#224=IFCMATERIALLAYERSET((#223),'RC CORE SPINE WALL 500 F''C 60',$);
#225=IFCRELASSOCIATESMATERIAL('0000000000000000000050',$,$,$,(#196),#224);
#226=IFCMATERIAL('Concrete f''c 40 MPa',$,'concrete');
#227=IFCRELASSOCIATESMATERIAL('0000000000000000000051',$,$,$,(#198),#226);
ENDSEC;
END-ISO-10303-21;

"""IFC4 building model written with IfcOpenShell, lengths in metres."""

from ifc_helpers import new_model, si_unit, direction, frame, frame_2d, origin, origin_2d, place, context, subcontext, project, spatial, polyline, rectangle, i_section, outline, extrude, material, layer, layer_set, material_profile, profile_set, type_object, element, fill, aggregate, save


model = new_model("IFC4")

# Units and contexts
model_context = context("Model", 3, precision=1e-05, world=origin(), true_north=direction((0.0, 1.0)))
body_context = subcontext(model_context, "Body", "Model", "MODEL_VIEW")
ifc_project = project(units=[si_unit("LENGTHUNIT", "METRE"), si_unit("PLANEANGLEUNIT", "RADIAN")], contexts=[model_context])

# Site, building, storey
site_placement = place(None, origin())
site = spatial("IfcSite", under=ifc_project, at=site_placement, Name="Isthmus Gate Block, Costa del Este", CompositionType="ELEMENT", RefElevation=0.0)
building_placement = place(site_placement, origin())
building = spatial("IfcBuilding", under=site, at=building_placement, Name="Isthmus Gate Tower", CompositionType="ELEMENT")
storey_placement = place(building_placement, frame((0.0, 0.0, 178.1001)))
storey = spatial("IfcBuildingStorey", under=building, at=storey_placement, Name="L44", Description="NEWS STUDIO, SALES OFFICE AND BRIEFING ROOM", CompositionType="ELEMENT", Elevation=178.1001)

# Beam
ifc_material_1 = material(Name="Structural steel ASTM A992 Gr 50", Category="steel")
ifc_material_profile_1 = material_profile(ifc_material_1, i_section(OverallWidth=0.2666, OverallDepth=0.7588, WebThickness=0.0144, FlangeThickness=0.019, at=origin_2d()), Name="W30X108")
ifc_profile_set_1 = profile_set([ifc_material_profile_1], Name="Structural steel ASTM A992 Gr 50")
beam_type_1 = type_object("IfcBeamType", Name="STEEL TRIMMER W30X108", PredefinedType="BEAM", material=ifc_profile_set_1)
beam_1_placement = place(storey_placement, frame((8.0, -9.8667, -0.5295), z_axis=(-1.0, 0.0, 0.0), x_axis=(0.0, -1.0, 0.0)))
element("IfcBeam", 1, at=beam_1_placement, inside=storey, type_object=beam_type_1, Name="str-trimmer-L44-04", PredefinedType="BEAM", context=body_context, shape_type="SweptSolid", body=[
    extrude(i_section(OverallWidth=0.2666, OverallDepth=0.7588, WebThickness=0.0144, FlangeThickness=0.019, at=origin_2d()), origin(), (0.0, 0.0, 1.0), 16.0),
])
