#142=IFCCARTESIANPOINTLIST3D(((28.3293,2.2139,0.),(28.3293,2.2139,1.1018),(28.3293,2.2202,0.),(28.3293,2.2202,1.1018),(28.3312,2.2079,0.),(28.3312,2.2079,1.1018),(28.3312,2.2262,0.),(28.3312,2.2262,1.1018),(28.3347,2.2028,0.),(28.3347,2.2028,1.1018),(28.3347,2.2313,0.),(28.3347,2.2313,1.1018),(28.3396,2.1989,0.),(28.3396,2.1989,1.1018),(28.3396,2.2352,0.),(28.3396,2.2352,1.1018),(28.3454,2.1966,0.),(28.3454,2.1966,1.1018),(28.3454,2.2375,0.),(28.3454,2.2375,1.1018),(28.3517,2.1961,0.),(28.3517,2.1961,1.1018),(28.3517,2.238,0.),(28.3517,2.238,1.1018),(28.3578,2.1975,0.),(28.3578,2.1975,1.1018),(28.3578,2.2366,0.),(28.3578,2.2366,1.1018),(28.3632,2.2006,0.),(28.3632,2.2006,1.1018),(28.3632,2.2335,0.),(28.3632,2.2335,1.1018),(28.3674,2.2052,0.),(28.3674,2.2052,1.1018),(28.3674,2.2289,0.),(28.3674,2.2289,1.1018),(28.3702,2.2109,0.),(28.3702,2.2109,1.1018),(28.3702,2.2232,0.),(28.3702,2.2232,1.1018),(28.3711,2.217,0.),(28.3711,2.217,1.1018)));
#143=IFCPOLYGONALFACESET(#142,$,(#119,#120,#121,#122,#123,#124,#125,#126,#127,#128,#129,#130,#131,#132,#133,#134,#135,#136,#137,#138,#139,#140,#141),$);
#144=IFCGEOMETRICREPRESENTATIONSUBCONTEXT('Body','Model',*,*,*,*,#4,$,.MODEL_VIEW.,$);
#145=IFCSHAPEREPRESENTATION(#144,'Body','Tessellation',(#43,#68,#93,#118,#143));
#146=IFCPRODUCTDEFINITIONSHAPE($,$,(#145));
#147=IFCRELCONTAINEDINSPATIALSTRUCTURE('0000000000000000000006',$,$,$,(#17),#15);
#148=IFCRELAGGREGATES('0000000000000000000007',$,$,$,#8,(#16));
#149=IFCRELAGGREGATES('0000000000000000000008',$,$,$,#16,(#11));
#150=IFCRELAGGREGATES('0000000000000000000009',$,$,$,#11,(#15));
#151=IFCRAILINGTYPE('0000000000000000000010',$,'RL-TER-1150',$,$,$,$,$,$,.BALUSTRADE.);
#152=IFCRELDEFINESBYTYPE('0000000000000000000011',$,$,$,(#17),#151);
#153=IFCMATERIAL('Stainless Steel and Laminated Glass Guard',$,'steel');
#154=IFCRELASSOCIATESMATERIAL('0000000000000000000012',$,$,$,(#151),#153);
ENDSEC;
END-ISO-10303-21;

------------------------------------------------

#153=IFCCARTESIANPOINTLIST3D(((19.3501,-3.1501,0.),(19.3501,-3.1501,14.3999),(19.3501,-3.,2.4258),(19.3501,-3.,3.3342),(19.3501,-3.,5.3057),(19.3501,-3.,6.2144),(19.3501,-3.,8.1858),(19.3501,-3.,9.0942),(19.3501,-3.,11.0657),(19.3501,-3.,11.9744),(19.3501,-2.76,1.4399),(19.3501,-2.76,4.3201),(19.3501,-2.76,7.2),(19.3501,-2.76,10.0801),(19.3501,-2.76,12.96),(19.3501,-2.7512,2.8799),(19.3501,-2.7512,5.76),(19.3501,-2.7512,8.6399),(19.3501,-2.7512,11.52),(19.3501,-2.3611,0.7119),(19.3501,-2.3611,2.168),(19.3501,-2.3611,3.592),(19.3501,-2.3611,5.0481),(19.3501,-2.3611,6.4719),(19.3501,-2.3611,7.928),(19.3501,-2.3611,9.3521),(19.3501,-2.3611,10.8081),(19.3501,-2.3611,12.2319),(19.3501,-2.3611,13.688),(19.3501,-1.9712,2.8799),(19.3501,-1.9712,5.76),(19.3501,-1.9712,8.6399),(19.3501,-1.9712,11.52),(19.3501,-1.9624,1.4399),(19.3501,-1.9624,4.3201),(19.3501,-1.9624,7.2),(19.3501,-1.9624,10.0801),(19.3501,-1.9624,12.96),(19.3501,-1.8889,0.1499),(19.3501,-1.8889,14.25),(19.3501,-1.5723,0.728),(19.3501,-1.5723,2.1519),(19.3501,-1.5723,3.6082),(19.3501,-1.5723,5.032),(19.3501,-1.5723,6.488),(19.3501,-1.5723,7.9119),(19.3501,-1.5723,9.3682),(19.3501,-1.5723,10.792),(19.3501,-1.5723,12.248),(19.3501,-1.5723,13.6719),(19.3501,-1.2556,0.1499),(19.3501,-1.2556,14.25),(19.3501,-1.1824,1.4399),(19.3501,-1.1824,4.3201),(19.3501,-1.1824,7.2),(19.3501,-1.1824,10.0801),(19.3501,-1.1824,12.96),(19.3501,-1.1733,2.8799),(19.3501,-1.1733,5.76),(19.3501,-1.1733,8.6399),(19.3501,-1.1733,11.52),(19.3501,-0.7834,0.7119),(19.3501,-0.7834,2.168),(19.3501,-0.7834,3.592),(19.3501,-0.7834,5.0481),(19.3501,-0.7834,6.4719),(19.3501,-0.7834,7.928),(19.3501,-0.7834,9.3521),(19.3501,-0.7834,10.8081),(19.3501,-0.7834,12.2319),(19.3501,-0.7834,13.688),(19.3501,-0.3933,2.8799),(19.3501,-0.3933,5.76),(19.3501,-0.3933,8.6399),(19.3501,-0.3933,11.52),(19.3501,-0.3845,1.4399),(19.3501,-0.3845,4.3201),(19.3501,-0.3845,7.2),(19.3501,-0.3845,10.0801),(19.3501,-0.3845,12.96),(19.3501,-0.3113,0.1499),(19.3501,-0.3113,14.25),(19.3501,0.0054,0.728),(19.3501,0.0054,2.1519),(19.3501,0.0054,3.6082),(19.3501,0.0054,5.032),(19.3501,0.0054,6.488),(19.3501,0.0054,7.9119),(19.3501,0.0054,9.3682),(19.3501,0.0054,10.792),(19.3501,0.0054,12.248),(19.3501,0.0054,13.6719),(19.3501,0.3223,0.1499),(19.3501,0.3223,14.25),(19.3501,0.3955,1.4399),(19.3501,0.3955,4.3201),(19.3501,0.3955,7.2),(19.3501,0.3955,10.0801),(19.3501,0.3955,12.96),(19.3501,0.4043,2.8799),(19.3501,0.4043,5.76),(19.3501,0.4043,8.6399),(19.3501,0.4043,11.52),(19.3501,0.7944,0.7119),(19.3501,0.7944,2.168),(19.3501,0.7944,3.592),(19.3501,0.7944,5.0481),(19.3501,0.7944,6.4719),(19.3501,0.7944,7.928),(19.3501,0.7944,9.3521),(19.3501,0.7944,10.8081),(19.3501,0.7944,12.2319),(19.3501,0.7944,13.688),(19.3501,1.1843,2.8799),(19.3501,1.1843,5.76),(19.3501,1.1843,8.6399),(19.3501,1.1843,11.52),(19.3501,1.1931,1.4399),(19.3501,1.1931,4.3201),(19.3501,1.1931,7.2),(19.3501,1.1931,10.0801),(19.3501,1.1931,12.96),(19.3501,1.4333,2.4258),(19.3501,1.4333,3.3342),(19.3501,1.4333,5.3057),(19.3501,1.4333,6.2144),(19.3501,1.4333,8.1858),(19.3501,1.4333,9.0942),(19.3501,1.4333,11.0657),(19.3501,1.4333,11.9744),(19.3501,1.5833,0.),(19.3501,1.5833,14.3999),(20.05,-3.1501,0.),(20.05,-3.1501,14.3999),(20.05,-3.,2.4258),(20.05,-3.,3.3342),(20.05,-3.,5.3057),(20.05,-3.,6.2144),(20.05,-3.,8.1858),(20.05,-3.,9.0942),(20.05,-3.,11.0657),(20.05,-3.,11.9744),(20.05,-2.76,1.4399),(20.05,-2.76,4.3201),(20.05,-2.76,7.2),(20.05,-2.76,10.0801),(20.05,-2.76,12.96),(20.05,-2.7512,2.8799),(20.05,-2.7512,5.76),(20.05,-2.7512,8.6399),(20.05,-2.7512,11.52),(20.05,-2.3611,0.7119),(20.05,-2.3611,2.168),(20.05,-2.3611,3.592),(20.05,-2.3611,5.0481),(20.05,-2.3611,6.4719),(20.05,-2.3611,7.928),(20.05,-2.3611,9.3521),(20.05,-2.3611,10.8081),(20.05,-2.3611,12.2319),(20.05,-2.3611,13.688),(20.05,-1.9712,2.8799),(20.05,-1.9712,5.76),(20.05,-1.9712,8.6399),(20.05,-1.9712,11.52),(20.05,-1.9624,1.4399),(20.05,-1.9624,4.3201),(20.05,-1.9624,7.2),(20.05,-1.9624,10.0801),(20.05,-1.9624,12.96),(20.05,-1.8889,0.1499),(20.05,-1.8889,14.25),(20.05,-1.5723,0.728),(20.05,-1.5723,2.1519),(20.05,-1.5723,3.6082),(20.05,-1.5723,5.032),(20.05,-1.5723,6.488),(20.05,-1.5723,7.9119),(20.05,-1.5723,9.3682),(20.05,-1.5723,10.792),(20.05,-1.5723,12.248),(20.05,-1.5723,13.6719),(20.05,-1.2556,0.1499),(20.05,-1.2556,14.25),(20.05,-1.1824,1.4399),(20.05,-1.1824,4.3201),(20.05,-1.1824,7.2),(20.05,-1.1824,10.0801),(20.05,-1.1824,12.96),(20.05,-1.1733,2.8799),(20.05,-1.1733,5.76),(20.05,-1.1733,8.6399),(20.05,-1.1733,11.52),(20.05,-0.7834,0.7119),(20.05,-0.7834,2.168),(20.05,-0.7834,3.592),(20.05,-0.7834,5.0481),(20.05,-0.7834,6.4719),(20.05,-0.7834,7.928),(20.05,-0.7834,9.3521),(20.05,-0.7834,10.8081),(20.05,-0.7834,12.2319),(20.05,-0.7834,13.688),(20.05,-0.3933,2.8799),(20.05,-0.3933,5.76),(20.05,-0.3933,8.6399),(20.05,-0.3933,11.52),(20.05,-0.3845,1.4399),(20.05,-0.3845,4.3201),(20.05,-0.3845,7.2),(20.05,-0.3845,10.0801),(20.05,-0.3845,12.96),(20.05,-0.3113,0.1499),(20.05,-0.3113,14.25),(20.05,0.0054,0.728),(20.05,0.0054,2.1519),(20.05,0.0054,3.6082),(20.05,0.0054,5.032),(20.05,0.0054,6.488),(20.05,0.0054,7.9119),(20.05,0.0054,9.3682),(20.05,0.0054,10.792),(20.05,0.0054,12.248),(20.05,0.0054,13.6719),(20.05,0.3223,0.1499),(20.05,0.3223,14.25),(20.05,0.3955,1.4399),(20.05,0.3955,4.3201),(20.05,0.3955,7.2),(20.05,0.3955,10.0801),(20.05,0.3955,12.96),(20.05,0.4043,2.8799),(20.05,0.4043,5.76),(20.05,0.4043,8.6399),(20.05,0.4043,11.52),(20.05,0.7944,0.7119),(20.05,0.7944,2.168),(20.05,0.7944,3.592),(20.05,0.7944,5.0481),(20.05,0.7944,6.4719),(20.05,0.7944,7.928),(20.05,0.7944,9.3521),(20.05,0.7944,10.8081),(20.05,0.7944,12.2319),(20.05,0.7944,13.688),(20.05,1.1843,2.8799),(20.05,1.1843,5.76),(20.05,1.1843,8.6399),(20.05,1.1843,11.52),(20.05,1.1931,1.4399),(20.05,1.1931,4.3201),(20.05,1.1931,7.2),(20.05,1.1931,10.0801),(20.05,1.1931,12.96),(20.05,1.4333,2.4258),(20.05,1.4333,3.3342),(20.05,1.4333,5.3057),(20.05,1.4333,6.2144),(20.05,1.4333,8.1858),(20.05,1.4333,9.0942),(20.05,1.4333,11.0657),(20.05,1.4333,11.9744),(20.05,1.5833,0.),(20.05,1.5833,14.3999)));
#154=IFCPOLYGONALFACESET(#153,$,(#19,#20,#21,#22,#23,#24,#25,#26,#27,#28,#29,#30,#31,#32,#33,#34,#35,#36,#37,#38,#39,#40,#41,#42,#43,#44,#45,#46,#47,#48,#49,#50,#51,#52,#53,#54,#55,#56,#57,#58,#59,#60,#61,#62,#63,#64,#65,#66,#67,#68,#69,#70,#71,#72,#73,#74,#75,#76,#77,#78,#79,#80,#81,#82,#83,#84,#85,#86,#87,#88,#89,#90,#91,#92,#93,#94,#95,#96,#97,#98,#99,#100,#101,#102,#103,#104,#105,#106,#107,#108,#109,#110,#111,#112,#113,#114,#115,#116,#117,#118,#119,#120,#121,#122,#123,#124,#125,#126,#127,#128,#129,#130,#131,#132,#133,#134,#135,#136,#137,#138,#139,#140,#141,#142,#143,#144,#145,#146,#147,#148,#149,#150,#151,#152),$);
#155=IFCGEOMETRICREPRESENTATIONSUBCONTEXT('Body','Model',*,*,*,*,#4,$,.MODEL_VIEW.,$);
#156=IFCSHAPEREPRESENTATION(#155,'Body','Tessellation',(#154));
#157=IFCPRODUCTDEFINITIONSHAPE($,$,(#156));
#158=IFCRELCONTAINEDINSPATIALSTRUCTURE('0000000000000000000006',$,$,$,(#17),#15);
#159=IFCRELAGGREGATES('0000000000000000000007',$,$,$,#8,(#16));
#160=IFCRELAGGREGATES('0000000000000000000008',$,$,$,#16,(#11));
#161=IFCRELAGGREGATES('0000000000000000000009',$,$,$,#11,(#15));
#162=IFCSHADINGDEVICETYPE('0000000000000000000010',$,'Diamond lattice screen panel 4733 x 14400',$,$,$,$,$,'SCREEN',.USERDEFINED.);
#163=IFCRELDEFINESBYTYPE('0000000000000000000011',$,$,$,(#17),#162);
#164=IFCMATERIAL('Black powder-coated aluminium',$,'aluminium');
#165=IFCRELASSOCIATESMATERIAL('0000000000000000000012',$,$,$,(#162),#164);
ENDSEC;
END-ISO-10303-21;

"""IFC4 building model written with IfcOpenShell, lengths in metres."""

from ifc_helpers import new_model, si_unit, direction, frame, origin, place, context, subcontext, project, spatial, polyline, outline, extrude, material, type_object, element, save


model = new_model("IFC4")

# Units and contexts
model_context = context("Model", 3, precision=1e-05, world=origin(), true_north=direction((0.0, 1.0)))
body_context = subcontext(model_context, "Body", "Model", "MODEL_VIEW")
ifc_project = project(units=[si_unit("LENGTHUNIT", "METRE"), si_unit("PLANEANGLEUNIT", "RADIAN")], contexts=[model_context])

------------------------------------------------

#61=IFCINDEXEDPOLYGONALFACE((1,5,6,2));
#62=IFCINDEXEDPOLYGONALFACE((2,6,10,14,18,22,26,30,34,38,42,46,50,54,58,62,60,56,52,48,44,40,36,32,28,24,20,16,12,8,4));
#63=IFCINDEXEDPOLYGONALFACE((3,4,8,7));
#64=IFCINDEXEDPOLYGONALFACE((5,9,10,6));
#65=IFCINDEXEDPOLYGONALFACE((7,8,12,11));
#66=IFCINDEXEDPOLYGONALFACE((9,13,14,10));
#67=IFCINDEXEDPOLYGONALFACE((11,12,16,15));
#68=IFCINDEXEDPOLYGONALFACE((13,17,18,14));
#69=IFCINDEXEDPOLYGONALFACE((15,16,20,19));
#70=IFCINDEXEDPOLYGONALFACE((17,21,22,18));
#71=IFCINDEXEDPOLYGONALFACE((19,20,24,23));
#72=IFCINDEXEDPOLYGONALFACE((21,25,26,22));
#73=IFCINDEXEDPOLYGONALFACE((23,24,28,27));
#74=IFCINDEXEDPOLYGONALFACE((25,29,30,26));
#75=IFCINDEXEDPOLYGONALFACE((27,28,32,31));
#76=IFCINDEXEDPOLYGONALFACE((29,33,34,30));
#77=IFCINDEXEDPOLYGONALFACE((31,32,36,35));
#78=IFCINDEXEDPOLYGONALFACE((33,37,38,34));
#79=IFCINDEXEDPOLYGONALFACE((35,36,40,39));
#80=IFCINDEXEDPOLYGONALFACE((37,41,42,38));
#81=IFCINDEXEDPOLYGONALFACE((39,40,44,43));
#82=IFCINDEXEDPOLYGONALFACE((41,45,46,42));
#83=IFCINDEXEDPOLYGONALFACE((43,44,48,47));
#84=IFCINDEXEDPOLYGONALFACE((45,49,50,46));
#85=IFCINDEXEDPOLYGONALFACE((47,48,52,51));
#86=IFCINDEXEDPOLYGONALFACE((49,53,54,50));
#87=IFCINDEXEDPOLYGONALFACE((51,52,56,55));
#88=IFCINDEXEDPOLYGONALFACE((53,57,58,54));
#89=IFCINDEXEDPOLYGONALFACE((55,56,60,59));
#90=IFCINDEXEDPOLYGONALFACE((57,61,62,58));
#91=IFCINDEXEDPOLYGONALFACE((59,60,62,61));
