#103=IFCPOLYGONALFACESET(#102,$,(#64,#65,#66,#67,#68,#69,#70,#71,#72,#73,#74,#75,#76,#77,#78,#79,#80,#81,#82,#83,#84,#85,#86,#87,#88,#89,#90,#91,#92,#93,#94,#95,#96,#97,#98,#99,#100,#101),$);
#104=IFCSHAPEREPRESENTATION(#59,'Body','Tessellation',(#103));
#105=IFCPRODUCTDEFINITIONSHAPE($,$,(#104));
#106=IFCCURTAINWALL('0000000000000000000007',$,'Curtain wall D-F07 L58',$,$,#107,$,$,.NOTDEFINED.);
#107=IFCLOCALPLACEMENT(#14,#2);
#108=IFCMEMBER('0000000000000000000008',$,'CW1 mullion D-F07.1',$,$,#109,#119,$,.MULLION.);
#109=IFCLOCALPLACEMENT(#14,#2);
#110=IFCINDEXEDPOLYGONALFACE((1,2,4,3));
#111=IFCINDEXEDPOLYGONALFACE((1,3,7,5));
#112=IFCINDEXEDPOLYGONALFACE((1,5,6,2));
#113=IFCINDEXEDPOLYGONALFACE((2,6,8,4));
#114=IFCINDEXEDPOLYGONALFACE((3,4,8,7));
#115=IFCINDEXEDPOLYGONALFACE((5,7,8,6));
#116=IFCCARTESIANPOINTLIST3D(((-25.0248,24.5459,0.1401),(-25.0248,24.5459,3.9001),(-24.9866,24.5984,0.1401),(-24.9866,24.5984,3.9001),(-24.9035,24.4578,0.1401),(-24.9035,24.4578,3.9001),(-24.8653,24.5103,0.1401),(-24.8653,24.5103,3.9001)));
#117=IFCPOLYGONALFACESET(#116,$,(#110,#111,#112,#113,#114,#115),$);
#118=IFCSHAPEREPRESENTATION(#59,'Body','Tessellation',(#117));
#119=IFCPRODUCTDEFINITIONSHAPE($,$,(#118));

------------------------------------------------

### About this task
All that is needed is the exact run of lines above from the line containing "#78=IFCINDEXEDPOLYGONALFACE((33,37,38,34));" through the line containing "#83=IFCINDEXEDPOLYGONALFACE((43,44,48,47));", both of them included.

### Answer box
#78=IFCINDEXEDPOLYGONALFACE((33,37,38,34));
#79=IFCINDEXEDPOLYGONALFACE((35,36,40,39));
#80=IFCINDEXEDPOLYGONALFACE((37,41,42,38));
#81=IFCINDEXEDPOLYGONALFACE((39,40,44,43));
#82=IFCINDEXEDPOLYGONALFACE((41,45,46,42));
#83=IFCINDEXEDPOLYGONALFACE((43,44,48,47));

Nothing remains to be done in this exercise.